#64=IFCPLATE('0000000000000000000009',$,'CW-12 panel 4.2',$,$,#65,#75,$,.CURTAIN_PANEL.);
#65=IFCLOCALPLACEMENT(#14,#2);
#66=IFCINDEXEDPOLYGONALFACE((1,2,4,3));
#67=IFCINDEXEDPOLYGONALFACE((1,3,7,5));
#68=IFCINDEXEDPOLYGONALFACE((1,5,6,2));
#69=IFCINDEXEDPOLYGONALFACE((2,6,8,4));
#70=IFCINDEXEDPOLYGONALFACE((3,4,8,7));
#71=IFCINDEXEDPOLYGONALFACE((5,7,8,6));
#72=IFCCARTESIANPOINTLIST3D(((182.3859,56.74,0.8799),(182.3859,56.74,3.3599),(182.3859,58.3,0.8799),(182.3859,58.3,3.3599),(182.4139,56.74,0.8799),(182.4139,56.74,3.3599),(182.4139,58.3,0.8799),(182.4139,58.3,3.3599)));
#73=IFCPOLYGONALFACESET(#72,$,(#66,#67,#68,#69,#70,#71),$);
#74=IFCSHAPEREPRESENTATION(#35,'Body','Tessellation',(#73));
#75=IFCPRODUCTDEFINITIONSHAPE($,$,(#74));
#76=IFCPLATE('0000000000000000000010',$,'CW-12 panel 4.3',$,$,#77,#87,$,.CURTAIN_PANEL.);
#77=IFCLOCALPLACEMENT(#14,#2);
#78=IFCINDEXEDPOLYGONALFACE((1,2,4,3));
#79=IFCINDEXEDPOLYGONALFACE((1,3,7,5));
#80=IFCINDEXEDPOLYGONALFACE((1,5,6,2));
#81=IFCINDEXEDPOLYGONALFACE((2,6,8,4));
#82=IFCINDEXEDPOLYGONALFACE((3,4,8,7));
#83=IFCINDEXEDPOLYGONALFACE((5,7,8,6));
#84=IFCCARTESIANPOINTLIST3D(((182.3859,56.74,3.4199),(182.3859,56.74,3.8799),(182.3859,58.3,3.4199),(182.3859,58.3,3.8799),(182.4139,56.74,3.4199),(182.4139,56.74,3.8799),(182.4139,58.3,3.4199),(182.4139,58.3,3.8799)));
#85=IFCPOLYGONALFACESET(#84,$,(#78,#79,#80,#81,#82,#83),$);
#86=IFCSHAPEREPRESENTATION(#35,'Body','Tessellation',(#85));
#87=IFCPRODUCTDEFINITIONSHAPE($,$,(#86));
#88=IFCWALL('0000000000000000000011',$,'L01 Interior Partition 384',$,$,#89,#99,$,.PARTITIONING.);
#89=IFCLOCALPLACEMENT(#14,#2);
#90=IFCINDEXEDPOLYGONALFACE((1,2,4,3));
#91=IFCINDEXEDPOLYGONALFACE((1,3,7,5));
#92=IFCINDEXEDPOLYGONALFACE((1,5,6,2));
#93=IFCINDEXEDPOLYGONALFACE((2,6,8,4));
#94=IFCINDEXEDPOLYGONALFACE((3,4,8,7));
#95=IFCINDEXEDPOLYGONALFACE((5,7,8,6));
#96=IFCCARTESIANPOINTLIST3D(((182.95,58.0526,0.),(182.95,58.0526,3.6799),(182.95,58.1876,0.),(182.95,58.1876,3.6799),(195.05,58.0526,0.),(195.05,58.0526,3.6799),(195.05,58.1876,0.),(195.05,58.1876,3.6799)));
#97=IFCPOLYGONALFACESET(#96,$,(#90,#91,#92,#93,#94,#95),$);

* _Task statement_
Your answer should reproduce each line of the listing that holds the word "Tessellation".

* _Answer for this exercise_
#74=IFCSHAPEREPRESENTATION(#35,'Body','Tessellation',(#73));
#86=IFCSHAPEREPRESENTATION(#35,'Body','Tessellation',(#85));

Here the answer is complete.